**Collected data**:
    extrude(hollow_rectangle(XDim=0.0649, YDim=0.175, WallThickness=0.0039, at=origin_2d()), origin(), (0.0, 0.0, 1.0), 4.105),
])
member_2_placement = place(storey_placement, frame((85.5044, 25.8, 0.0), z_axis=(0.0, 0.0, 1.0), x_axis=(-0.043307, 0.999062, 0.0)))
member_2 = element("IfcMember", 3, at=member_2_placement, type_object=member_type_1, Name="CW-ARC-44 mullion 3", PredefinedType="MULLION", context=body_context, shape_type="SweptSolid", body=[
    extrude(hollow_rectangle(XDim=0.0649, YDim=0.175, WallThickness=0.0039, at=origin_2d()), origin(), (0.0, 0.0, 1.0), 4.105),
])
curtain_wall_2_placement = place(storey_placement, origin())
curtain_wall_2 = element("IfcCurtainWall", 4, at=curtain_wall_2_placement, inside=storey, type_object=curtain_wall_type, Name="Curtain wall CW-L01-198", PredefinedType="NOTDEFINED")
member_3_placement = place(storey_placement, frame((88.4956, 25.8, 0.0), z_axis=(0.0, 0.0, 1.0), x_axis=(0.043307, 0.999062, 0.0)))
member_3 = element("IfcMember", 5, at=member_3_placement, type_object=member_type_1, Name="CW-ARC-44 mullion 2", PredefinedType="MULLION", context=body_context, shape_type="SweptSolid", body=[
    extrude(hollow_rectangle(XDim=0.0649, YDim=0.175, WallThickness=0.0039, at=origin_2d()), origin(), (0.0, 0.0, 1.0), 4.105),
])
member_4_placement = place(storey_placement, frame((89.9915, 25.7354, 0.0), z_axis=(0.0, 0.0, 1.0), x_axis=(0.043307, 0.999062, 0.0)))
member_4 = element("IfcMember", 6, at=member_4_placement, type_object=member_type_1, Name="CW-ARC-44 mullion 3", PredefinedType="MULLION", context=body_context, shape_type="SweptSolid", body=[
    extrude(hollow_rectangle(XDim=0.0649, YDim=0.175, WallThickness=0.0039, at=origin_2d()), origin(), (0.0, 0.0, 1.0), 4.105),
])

**HOW TO COMPLETE THIS TASK**: Write the entries again, exactly as they stand.

**RESULT BELOW**:
    extrude(hollow_rectangle(XDim=0.0649, YDim=0.175, WallThickness=0.0039, at=origin_2d()), origin(), (0.0, 0.0, 1.0), 4.105),
])
member_2_placement = place(storey_placement, frame((85.5044, 25.8, 0.0), z_axis=(0.0, 0.0, 1.0), x_axis=(-0.043307, 0.999062, 0.0)))
member_2 = element("IfcMember", 3, at=member_2_placement, type_object=member_type_1, Name="CW-ARC-44 mullion 3", PredefinedType="MULLION", context=body_context, shape_type="SweptSolid", body=[
    extrude(hollow_rectangle(XDim=0.0649, YDim=0.175, WallThickness=0.0039, at=origin_2d()), origin(), (0.0, 0.0, 1.0), 4.105),
])
curtain_wall_2_placement = place(storey_placement, origin())
curtain_wall_2 = element("IfcCurtainWall", 4, at=curtain_wall_2_placement, inside=storey, type_object=curtain_wall_type, Name="Curtain wall CW-L01-198", PredefinedType="NOTDEFINED")
member_3_placement = place(storey_placement, frame((88.4956, 25.8, 0.0), z_axis=(0.0, 0.0, 1.0), x_axis=(0.043307, 0.999062, 0.0)))
member_3 = element("IfcMember", 5, at=member_3_placement, type_object=member_type_1, Name="CW-ARC-44 mullion 2", PredefinedType="MULLION", context=body_context, shape_type="SweptSolid", body=[
    extrude(hollow_rectangle(XDim=0.0649, YDim=0.175, WallThickness=0.0039, at=origin_2d()), origin(), (0.0, 0.0, 1.0), 4.105),
])
member_4_placement = place(storey_placement, frame((89.9915, 25.7354, 0.0), z_axis=(0.0, 0.0, 1.0), x_axis=(0.043307, 0.999062, 0.0)))
member_4 = element("IfcMember", 6, at=member_4_placement, type_object=member_type_1, Name="CW-ARC-44 mullion 3", PredefinedType="MULLION", context=body_context, shape_type="SweptSolid", body=[
    extrude(hollow_rectangle(XDim=0.0649, YDim=0.175, WallThickness=0.0039, at=origin_2d()), origin(), (0.0, 0.0, 1.0), 4.105),
])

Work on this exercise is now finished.